▶ Your goal
Some of the lines below need repeating. Reproduce exactly those between the lines holding "#51=IFCINDEXEDPOLYGONALFACE((5,7,8,6));" and "#55=IFCINDEXEDPOLYGONALFACE((13,15,16,14));", inclusive.

▶ Dataset records
┄┄┄┄┄┄┄┄┄┄┄┄┄┄┄┄┄┄┄┄
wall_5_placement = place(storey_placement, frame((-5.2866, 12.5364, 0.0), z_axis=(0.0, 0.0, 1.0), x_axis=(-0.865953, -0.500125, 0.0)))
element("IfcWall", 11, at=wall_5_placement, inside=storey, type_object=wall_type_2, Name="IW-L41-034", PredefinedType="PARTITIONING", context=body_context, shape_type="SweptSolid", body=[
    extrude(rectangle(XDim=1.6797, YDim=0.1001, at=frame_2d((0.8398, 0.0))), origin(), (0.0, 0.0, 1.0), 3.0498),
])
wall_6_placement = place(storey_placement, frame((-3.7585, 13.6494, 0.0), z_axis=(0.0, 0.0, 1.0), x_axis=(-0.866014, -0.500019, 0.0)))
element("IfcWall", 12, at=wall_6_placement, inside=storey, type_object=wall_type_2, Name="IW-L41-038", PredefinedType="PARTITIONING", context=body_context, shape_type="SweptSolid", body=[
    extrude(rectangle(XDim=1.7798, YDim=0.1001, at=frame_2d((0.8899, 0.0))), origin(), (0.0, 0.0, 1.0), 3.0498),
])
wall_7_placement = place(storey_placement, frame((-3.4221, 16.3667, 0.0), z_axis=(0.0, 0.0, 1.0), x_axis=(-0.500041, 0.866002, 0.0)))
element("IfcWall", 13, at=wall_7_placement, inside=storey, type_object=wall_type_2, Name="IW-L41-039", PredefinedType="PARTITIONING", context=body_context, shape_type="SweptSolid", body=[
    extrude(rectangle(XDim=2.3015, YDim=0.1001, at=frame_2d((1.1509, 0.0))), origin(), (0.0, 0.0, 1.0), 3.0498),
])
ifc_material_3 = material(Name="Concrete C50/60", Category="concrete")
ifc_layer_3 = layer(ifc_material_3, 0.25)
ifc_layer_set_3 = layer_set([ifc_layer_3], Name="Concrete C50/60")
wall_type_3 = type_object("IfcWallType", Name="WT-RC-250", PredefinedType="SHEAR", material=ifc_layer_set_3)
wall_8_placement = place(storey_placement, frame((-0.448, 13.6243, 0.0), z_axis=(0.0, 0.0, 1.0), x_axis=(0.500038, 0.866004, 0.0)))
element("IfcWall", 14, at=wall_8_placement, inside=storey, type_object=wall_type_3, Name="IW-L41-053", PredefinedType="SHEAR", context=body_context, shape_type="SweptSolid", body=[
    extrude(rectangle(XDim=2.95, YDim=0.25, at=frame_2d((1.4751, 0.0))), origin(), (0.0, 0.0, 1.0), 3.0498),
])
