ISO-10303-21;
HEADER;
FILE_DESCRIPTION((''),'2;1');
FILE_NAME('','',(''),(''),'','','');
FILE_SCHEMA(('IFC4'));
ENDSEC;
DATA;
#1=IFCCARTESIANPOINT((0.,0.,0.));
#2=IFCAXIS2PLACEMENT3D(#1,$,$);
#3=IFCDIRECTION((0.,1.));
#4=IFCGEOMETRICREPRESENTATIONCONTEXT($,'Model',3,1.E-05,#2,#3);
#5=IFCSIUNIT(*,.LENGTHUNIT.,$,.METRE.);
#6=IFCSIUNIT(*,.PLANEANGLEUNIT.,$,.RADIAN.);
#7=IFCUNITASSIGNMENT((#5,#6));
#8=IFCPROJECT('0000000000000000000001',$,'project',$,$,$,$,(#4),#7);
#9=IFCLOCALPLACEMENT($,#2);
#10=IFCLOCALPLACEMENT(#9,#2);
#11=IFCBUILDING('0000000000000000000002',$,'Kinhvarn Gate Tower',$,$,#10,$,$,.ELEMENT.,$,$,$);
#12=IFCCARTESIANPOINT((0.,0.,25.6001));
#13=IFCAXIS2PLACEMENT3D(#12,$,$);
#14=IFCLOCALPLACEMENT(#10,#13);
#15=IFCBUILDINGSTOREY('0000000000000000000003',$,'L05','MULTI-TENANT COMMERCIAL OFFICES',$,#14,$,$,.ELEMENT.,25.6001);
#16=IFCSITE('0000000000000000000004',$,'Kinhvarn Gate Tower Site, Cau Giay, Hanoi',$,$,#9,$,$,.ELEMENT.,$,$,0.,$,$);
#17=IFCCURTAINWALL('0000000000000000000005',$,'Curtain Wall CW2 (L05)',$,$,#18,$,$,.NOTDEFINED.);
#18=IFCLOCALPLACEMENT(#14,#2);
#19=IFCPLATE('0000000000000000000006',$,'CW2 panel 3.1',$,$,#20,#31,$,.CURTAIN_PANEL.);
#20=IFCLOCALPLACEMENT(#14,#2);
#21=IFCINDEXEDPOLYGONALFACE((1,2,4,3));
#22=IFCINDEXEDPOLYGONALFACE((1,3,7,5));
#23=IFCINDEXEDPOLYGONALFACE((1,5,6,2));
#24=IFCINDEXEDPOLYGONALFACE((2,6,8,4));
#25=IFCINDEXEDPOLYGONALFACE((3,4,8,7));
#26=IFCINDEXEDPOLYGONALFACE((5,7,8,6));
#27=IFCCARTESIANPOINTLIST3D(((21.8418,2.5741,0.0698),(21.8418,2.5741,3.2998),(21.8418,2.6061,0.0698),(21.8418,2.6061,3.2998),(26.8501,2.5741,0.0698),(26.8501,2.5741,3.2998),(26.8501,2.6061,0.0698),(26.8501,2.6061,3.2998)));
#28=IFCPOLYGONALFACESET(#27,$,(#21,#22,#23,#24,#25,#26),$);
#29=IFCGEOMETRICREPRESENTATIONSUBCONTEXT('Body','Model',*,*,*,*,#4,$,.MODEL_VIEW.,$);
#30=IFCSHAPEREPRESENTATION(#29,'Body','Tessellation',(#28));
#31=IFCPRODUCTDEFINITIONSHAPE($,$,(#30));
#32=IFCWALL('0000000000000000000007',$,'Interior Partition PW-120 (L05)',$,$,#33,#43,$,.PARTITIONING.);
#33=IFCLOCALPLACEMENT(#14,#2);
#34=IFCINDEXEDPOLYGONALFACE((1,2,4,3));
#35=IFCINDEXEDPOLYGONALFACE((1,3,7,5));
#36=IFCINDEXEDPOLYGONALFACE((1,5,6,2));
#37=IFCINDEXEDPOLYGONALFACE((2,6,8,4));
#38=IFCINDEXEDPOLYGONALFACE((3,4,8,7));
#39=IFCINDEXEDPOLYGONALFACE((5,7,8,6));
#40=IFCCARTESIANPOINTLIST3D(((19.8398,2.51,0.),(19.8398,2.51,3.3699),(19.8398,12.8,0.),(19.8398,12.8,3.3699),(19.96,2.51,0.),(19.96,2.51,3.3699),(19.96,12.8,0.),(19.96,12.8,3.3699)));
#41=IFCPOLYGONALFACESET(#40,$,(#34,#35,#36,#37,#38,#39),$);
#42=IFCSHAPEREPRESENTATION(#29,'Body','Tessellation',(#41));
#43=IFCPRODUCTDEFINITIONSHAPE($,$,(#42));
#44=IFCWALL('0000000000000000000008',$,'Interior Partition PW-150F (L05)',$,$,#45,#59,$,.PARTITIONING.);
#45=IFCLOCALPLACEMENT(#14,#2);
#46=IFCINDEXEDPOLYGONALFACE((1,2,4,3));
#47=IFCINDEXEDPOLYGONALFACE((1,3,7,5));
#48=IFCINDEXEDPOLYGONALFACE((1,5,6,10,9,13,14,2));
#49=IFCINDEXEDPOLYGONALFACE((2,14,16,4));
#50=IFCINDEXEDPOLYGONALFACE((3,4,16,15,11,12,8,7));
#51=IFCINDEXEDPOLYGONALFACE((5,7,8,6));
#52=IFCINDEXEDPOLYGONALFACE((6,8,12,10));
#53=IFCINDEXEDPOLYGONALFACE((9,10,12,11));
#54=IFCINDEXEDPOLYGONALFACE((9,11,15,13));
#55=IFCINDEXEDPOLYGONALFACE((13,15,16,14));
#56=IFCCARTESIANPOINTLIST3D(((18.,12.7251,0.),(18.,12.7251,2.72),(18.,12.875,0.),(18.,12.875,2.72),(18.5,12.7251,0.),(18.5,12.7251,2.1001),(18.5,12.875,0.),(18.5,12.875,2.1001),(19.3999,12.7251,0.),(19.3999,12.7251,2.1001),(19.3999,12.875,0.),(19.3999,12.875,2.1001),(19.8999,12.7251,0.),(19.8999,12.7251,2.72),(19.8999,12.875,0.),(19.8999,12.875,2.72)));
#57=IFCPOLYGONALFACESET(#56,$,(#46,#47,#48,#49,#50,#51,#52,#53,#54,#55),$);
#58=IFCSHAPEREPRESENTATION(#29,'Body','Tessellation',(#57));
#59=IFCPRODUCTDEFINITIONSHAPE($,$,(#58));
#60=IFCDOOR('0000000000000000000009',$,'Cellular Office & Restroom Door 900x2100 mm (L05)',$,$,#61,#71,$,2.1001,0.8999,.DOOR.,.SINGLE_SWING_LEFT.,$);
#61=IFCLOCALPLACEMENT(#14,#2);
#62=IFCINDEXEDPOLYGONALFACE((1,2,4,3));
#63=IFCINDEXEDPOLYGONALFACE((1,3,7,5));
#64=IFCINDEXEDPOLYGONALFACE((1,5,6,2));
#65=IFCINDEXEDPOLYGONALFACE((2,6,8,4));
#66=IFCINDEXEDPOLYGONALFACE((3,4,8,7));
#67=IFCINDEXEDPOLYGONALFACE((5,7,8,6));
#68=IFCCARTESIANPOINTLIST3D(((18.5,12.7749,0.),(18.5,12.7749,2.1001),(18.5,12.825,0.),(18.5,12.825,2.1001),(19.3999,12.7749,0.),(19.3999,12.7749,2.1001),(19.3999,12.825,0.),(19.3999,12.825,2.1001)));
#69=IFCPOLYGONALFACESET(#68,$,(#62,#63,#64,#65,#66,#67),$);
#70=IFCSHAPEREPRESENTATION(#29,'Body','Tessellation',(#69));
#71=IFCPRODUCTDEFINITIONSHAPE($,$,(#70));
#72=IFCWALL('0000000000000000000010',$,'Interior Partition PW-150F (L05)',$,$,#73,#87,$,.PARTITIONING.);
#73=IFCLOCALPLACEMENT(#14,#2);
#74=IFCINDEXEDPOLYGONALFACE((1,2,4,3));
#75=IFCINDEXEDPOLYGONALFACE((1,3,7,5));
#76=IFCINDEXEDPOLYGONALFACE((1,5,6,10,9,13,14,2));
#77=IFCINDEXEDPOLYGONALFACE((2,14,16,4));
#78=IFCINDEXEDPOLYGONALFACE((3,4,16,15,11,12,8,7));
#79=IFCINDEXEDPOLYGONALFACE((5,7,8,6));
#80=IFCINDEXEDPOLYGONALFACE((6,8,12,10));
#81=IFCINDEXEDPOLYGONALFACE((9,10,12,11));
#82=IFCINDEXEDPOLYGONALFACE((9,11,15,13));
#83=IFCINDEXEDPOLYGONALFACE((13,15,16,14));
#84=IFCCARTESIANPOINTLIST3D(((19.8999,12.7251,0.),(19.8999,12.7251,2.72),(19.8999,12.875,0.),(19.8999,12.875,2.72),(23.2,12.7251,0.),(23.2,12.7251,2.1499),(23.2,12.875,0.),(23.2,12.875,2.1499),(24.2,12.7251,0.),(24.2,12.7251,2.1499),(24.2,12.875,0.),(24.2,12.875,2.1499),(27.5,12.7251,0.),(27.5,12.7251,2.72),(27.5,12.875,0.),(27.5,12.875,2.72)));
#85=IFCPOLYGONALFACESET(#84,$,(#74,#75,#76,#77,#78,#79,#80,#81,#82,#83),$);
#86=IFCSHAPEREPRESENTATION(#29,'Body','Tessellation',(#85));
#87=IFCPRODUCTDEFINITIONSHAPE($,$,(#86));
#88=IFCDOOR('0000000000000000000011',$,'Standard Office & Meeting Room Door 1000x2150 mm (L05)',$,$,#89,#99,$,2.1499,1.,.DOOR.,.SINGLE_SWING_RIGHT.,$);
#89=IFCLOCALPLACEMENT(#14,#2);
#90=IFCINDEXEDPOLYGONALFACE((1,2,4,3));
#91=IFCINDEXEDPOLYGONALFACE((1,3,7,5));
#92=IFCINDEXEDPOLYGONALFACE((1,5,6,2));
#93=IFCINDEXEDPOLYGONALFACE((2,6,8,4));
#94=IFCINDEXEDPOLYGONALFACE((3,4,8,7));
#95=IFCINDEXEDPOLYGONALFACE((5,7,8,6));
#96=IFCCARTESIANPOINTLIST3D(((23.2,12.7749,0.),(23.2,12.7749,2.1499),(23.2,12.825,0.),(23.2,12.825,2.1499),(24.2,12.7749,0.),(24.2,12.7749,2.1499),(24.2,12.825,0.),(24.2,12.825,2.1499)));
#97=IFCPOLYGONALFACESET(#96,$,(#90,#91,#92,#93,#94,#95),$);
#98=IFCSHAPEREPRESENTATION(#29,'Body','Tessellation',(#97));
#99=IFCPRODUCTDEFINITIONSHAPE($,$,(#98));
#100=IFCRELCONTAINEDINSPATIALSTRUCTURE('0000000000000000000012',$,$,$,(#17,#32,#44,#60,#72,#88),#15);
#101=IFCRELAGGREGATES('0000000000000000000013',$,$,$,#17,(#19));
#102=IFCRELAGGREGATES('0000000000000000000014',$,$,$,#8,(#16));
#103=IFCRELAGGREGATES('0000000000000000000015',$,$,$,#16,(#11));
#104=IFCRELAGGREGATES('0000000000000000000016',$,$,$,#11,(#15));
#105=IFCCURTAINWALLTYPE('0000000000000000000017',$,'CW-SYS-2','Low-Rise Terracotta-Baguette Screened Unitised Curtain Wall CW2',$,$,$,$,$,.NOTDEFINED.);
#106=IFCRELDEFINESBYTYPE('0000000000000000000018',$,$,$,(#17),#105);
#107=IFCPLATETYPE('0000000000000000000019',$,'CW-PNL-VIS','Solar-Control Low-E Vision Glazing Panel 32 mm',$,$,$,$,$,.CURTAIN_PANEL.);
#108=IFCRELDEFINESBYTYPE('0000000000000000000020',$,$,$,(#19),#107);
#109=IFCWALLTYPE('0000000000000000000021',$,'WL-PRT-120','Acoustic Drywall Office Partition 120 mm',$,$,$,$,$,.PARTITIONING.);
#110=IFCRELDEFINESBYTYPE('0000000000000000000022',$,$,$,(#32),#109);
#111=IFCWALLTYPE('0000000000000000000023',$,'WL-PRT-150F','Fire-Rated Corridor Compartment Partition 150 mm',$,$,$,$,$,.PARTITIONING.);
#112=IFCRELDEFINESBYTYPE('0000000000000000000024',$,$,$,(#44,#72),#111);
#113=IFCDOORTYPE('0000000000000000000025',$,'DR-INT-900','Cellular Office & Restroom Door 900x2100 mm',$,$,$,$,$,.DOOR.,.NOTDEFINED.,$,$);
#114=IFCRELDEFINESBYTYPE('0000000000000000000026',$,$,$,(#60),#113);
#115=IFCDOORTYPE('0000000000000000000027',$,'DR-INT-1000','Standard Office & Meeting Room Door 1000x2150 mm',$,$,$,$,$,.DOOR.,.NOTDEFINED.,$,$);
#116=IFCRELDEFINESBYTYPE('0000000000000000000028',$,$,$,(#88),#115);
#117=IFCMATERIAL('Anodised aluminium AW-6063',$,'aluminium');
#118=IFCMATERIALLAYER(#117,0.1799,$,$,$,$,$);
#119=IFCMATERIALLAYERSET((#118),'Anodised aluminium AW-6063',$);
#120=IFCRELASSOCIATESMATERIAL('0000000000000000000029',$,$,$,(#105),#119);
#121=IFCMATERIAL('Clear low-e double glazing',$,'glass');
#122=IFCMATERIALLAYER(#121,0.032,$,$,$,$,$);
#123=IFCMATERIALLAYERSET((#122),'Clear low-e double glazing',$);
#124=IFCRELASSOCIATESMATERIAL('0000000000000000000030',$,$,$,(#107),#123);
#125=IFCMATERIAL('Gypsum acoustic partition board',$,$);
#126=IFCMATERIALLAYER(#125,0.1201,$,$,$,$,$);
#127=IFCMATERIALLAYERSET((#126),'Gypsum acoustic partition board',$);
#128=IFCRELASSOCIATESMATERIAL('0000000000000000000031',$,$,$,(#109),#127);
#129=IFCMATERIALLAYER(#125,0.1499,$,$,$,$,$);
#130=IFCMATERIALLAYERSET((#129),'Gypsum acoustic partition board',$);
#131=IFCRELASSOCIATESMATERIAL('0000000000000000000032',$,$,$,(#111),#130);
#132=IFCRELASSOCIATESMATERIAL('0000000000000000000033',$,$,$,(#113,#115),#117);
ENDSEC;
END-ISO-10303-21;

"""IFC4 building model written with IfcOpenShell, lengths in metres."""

from ifc_helpers import new_model, si_unit, direction, frame, frame_2d, origin, origin_2d, place, context, subcontext, project, spatial, rectangle, extrude, material, layer, layer_set, type_object, element, fill, aggregate, save


model = new_model("IFC4")

# Units and contexts
model_context = context("Model", 3, precision=1e-05, world=origin(), true_north=direction((0.0, 1.0)))
body_context = subcontext(model_context, "Body", "Model", "MODEL_VIEW")
ifc_project = project(units=[si_unit("LENGTHUNIT", "METRE"), si_unit("PLANEANGLEUNIT", "RADIAN")], contexts=[model_context])

# Site, building, storey
site_placement = place(None, origin())
site = spatial("IfcSite", under=ifc_project, at=site_placement, Name="Kinhvarn Gate Tower Site, Cau Giay, Hanoi", CompositionType="ELEMENT", RefElevation=0.0)
building_placement = place(site_placement, origin())
building = spatial("IfcBuilding", under=site, at=building_placement, Name="Kinhvarn Gate Tower", CompositionType="ELEMENT")
storey_placement = place(building_placement, frame((0.0, 0.0, 25.6001)))
storey = spatial("IfcBuildingStorey", under=building, at=storey_placement, Name="L05", Description="MULTI-TENANT COMMERCIAL OFFICES", CompositionType="ELEMENT", Elevation=25.6001)

# Curtain wall
ifc_material_1 = material(Name="Anodised aluminium AW-6063", Category="aluminium")
ifc_layer_1 = layer(ifc_material_1, 0.1799)
ifc_layer_set_1 = layer_set([ifc_layer_1], Name="Anodised aluminium AW-6063")
curtain_wall_type = type_object("IfcCurtainWallType", Name="CW-SYS-2", Description="Low-Rise Terracotta-Baguette Screened Unitised Curtain Wall CW2", PredefinedType="NOTDEFINED", material=ifc_layer_set_1)
curtain_wall_placement = place(storey_placement, origin())
curtain_wall = element("IfcCurtainWall", 1, at=curtain_wall_placement, inside=storey, type_object=curtain_wall_type, Name="Curtain Wall CW2 (L05)", PredefinedType="NOTDEFINED")

# Plate
ifc_material_2 = material(Name="Clear low-e double glazing", Category="glass")
ifc_layer_2 = layer(ifc_material_2, 0.032)
ifc_layer_set_2 = layer_set([ifc_layer_2], Name="Clear low-e double glazing")
plate_type = type_object("IfcPlateType", Name="CW-PNL-VIS", Description="Solar-Control Low-E Vision Glazing Panel 32 mm", PredefinedType="CURTAIN_PANEL", material=ifc_layer_set_2)
plate_1_placement = place(storey_placement, frame((24.3459, 2.5901, 0.0698), z_axis=(0.0, 0.0, 1.0), x_axis=(1.0, 0.0, 0.0)))
plate_1 = element("IfcPlate", 2, at=plate_1_placement, type_object=plate_type, Name="CW2 panel 3.1", PredefinedType="CURTAIN_PANEL", context=body_context, shape_type="SweptSolid", body=[
    extrude(rectangle(XDim=5.0083, YDim=0.032, at=origin_2d()), origin(), (0.0, 0.0, 1.0), 3.23),
])
aggregate(curtain_wall, [plate_1])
┄┄┄┄┄┄┄┄┄┄┄┄┄┄┄┄┄┄┄┄
▶ Finished exercise
#51=IFCINDEXEDPOLYGONALFACE((5,7,8,6));
#52=IFCINDEXEDPOLYGONALFACE((6,8,12,10));
#53=IFCINDEXEDPOLYGONALFACE((9,10,12,11));
#54=IFCINDEXEDPOLYGONALFACE((9,11,15,13));
#55=IFCINDEXEDPOLYGONALFACE((13,15,16,14));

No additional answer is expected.